What the exercise asks: Go through the entries one line at a time, and gather every line that has the word "Body".

Records to process:

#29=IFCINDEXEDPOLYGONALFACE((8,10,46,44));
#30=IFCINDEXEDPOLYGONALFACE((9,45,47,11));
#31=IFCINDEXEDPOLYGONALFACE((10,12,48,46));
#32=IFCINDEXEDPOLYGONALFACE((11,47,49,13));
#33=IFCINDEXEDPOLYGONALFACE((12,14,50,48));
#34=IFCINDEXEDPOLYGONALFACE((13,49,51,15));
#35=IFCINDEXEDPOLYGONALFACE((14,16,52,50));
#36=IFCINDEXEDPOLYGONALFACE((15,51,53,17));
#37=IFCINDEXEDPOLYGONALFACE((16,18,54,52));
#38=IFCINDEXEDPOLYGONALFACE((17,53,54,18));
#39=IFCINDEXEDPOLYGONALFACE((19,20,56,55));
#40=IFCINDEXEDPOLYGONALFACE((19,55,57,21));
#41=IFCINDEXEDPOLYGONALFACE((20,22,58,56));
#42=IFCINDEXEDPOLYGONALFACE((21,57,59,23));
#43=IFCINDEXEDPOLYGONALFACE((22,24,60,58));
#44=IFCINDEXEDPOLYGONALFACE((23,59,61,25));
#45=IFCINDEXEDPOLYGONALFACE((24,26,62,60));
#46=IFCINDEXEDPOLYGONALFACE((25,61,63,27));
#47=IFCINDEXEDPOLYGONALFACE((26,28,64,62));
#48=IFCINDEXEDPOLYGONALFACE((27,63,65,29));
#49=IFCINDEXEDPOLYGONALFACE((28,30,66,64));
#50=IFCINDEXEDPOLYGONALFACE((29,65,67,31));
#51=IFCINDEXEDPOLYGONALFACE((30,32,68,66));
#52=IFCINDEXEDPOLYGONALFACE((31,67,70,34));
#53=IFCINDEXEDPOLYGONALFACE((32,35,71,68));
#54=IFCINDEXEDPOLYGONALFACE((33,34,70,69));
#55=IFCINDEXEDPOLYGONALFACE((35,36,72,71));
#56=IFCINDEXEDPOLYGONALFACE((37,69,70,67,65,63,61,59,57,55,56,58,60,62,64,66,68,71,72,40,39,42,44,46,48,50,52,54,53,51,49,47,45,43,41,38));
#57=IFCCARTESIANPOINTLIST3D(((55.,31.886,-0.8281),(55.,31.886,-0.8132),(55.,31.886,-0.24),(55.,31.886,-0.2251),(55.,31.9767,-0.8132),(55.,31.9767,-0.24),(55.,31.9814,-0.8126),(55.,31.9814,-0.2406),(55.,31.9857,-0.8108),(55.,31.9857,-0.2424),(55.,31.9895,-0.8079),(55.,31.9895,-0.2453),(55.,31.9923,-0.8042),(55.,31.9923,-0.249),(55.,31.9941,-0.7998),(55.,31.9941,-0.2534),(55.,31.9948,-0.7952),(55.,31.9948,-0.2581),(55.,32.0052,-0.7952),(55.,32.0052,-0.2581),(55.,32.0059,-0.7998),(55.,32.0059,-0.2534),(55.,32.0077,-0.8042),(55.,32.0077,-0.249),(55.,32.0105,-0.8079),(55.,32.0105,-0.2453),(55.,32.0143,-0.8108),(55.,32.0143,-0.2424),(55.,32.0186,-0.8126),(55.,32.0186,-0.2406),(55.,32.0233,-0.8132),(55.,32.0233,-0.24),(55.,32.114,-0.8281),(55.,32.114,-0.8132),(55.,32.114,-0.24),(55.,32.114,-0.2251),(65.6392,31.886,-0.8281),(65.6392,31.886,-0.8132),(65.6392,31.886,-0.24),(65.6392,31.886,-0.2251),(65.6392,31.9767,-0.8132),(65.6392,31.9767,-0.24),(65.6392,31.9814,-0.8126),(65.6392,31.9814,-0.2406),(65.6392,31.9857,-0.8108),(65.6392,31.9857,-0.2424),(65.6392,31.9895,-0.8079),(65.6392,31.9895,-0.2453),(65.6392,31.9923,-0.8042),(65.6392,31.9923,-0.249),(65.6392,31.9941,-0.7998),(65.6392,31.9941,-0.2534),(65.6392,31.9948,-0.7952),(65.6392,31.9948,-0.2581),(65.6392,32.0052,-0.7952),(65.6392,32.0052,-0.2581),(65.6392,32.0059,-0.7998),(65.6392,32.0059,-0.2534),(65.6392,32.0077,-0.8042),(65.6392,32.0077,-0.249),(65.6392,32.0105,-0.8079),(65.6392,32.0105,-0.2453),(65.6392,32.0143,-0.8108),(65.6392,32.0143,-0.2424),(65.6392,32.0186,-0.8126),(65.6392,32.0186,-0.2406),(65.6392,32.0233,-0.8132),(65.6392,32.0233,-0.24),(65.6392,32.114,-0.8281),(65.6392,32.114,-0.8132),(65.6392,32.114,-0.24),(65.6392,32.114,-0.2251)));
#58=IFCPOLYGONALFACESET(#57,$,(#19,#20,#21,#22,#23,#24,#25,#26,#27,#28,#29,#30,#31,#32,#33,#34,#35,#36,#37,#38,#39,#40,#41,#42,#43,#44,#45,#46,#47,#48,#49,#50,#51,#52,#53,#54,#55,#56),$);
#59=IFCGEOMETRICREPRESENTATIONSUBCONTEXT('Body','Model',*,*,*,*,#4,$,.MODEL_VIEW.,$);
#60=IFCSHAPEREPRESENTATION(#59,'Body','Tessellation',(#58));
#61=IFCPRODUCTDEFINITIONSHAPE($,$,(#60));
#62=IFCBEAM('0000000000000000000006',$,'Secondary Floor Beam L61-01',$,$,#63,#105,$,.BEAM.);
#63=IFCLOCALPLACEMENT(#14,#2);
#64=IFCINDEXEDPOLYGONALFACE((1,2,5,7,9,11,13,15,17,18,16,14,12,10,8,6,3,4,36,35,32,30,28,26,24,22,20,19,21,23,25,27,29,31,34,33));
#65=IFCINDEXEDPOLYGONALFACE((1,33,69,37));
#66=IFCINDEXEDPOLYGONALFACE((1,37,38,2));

Solution for this exercise:
#59=IFCGEOMETRICREPRESENTATIONSUBCONTEXT('Body','Model',*,*,*,*,#4,$,.MODEL_VIEW.,$);
#60=IFCSHAPEREPRESENTATION(#59,'Body','Tessellation',(#58));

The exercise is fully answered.